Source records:
-------------------------
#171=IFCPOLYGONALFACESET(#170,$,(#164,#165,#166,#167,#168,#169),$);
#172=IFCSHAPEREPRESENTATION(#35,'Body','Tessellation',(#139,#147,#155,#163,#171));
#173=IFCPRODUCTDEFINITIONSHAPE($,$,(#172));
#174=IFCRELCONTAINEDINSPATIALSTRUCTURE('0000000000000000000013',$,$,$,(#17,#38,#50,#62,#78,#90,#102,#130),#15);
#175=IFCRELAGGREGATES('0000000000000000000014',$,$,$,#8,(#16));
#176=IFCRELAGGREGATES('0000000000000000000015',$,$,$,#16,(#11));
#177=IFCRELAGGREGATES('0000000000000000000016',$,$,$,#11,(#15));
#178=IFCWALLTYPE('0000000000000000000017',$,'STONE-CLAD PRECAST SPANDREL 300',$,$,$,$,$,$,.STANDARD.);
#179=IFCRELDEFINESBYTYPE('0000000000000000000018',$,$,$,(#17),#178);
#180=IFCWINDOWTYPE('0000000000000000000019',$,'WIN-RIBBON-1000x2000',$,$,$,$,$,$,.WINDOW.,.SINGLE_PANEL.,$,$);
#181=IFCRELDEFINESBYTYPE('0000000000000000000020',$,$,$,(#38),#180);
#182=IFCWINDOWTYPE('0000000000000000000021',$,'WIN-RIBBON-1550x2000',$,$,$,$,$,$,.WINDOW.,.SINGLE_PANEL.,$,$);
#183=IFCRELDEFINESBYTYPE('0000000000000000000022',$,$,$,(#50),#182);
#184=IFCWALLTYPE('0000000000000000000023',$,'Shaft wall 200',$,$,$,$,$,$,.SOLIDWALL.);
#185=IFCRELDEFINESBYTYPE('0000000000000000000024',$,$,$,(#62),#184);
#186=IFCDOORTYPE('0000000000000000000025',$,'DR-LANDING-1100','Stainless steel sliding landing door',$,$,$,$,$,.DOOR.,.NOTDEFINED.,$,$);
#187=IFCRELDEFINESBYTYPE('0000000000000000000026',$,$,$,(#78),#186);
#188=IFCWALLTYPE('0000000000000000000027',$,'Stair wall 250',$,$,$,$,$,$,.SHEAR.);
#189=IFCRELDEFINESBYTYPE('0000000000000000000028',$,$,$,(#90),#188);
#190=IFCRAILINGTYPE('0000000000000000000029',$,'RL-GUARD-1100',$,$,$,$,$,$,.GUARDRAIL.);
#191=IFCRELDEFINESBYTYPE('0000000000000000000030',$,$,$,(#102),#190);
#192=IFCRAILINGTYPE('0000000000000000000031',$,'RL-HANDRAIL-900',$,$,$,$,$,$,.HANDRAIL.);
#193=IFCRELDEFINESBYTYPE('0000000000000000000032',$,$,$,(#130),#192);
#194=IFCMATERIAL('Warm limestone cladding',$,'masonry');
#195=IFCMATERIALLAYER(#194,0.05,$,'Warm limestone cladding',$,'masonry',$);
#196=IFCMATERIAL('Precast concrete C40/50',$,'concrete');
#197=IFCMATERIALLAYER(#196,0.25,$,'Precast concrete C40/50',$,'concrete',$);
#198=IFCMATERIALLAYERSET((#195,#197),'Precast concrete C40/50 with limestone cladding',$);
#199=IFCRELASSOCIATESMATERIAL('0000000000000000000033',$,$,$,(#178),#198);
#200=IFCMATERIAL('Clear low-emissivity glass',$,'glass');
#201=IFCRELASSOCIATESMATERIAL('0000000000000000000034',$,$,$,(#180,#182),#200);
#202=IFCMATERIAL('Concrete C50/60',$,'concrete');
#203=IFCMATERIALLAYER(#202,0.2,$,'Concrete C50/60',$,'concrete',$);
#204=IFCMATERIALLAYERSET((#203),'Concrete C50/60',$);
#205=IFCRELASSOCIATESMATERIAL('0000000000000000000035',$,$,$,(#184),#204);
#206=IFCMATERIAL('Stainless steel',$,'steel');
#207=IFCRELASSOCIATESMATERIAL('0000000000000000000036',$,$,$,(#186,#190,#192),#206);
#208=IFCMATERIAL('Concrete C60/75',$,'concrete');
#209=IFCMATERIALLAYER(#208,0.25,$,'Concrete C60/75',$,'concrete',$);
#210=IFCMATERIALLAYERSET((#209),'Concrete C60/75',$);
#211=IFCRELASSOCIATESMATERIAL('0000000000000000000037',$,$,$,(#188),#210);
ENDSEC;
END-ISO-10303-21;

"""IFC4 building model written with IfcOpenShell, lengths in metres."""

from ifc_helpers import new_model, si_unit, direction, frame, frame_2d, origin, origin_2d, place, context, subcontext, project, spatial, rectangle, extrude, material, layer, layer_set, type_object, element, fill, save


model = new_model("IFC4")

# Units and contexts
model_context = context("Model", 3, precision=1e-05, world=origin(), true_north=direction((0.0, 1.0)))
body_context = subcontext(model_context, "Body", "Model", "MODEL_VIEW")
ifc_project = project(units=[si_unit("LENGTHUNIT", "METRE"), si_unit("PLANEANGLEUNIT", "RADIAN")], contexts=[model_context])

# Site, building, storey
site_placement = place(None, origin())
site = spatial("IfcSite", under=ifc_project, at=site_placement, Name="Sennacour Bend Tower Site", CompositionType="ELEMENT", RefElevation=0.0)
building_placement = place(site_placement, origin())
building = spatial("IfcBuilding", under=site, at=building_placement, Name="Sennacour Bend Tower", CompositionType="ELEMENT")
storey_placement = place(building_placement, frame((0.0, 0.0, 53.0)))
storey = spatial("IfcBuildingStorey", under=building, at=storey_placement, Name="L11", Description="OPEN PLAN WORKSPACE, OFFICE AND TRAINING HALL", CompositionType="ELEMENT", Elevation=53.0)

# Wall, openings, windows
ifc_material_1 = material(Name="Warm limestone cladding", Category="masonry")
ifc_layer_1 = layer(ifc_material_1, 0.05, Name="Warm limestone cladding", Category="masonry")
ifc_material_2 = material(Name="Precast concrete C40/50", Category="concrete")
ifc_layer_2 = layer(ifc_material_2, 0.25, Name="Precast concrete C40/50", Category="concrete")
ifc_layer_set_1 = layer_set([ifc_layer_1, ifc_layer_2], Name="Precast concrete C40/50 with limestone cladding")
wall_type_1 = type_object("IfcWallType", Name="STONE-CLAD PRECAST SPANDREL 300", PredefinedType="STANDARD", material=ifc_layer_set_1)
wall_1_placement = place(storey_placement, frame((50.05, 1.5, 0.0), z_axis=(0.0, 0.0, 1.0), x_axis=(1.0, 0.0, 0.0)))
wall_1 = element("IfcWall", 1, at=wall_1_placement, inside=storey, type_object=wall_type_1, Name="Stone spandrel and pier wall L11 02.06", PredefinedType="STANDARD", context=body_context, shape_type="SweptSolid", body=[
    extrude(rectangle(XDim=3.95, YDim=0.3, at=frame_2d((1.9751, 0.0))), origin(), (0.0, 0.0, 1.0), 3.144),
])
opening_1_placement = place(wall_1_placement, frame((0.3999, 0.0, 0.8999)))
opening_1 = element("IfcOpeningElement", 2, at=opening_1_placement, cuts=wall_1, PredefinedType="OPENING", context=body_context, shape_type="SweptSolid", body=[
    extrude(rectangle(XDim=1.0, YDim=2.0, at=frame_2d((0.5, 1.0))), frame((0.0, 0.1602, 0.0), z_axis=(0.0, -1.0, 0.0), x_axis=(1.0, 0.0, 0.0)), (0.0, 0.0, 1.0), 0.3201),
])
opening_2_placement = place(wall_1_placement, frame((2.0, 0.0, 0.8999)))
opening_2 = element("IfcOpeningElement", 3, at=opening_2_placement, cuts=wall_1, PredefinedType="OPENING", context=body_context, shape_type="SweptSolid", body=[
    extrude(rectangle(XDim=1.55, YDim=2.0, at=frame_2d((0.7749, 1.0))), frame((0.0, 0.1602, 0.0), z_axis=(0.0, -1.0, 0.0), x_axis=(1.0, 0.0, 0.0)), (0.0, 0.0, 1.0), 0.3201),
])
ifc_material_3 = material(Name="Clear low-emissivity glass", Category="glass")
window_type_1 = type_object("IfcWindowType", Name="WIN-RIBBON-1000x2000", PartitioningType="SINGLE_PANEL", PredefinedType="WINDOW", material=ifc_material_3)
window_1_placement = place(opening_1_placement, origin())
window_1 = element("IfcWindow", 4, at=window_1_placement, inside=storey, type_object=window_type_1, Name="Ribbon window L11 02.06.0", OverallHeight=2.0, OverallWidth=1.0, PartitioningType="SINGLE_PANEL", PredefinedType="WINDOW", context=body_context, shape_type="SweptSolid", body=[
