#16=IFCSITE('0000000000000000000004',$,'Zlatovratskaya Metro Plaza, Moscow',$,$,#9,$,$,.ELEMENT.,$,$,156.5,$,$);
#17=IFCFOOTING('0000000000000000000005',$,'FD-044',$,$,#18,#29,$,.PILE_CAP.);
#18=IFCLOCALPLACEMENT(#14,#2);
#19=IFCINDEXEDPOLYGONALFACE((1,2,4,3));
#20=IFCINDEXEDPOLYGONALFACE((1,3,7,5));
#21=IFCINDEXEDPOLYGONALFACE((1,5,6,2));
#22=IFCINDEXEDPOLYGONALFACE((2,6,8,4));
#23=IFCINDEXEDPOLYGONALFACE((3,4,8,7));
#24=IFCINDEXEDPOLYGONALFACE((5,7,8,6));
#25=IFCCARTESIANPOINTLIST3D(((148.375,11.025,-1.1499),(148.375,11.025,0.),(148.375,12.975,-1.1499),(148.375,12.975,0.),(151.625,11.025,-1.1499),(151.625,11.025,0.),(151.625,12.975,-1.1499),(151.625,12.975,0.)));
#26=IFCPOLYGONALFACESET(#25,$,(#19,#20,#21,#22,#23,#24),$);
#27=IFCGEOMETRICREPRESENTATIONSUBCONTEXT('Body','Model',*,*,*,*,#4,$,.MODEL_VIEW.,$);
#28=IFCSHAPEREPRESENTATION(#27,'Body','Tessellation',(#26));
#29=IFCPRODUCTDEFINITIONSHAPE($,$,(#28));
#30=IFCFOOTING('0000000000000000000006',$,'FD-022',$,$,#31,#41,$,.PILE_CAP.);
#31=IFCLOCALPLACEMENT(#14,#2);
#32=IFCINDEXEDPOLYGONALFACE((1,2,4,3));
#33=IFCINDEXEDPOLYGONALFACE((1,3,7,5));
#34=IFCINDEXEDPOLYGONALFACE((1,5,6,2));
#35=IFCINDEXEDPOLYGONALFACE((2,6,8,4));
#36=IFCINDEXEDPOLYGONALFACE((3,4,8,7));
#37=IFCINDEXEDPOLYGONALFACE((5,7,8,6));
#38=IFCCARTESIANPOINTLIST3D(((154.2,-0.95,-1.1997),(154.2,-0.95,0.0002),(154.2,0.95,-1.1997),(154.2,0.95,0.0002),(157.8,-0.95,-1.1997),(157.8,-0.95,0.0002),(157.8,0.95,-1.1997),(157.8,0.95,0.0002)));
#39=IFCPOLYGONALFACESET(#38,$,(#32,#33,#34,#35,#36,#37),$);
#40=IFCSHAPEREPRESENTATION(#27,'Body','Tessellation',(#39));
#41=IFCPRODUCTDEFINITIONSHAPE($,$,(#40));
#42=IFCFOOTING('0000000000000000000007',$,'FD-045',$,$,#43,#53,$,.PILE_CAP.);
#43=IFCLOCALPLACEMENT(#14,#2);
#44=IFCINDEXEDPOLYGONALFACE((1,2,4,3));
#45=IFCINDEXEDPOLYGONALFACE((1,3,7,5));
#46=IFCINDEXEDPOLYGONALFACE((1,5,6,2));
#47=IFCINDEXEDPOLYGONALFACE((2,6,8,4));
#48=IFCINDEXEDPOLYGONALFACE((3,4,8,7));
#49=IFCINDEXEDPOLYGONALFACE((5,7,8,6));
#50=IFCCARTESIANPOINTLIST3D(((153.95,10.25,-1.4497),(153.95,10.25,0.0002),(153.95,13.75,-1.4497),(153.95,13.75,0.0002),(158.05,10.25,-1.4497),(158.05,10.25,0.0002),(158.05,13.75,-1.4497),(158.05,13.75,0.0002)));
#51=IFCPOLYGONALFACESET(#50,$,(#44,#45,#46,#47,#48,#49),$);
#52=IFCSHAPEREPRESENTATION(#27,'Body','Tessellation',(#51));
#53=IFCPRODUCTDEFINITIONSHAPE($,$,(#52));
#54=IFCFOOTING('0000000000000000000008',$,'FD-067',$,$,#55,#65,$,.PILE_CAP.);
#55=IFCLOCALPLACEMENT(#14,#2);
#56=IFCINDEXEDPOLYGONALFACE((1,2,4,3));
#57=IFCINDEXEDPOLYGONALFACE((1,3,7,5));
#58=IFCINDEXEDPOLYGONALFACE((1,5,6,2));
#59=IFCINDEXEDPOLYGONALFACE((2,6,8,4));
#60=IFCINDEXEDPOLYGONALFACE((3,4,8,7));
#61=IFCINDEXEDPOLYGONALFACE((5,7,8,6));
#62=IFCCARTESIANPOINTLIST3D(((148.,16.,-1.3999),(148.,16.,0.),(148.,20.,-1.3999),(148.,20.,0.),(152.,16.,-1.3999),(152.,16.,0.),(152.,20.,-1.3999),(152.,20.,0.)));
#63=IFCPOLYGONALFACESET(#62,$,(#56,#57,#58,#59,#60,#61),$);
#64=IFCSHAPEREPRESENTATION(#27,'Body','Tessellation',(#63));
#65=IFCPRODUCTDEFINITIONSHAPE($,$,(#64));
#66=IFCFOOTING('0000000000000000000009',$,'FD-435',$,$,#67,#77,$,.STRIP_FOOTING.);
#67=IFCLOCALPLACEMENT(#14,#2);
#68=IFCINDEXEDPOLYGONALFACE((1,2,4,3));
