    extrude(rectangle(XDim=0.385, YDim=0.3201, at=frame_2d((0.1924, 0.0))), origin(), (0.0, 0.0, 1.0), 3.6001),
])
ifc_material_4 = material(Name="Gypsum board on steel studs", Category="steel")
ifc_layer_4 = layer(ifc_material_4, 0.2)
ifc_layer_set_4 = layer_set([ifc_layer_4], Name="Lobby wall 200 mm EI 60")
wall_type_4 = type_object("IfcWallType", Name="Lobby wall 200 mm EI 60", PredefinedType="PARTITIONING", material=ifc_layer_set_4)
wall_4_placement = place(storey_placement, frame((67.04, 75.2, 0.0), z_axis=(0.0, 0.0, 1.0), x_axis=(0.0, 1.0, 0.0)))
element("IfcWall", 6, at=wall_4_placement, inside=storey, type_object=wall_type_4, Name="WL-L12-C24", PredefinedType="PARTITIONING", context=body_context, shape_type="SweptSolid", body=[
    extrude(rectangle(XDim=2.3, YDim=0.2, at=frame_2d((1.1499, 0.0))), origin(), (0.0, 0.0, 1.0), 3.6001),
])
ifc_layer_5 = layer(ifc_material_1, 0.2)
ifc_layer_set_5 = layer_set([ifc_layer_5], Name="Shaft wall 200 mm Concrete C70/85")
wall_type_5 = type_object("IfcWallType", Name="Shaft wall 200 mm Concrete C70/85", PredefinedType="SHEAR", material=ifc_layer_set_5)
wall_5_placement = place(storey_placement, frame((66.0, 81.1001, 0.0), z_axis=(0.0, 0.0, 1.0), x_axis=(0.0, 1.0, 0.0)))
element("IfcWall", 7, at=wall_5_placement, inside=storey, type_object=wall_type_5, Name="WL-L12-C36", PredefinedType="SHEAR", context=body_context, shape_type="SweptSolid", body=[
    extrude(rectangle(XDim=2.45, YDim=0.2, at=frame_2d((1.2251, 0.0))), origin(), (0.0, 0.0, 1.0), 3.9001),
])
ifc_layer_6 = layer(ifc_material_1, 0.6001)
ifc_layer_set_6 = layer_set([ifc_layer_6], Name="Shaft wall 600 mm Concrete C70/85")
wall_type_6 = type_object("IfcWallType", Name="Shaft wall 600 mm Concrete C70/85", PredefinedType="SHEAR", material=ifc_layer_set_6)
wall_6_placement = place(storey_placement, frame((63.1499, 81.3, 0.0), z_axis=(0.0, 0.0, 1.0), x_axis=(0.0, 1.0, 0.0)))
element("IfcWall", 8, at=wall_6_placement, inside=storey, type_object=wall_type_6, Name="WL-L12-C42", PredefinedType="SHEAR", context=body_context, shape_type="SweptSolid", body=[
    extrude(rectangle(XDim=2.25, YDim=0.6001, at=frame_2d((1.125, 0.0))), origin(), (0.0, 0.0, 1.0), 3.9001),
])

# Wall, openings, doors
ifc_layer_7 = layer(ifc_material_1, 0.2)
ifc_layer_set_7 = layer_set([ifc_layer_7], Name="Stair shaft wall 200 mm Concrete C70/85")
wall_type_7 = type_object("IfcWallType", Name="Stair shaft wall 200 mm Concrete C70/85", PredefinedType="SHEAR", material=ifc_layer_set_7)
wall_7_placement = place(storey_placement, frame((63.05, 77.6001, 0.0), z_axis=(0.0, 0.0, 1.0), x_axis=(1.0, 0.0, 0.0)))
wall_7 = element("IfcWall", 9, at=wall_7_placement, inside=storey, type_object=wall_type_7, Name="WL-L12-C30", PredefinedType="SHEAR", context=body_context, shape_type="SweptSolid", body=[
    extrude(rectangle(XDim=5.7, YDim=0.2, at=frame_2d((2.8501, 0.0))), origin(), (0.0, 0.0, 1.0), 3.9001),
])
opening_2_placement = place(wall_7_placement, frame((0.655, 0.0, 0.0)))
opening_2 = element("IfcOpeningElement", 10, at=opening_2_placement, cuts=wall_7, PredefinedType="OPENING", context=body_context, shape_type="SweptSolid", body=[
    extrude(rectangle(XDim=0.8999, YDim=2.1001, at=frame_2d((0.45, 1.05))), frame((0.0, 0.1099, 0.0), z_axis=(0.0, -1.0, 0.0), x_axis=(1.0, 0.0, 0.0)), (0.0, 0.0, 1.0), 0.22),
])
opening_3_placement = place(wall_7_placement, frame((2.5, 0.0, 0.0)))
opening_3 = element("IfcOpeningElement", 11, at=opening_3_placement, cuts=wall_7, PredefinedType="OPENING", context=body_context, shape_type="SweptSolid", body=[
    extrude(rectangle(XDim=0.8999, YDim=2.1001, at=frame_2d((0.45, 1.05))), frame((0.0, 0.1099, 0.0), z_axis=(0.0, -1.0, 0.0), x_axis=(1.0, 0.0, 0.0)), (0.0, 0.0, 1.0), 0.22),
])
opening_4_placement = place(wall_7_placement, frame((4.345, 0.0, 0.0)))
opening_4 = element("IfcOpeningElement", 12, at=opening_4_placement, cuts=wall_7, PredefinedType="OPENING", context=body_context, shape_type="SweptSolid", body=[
-------------------------
**What to work on**
Say how many lines of the data above have the string "CompositionType" in them, and write nothing besides that number.

**Answer space**
3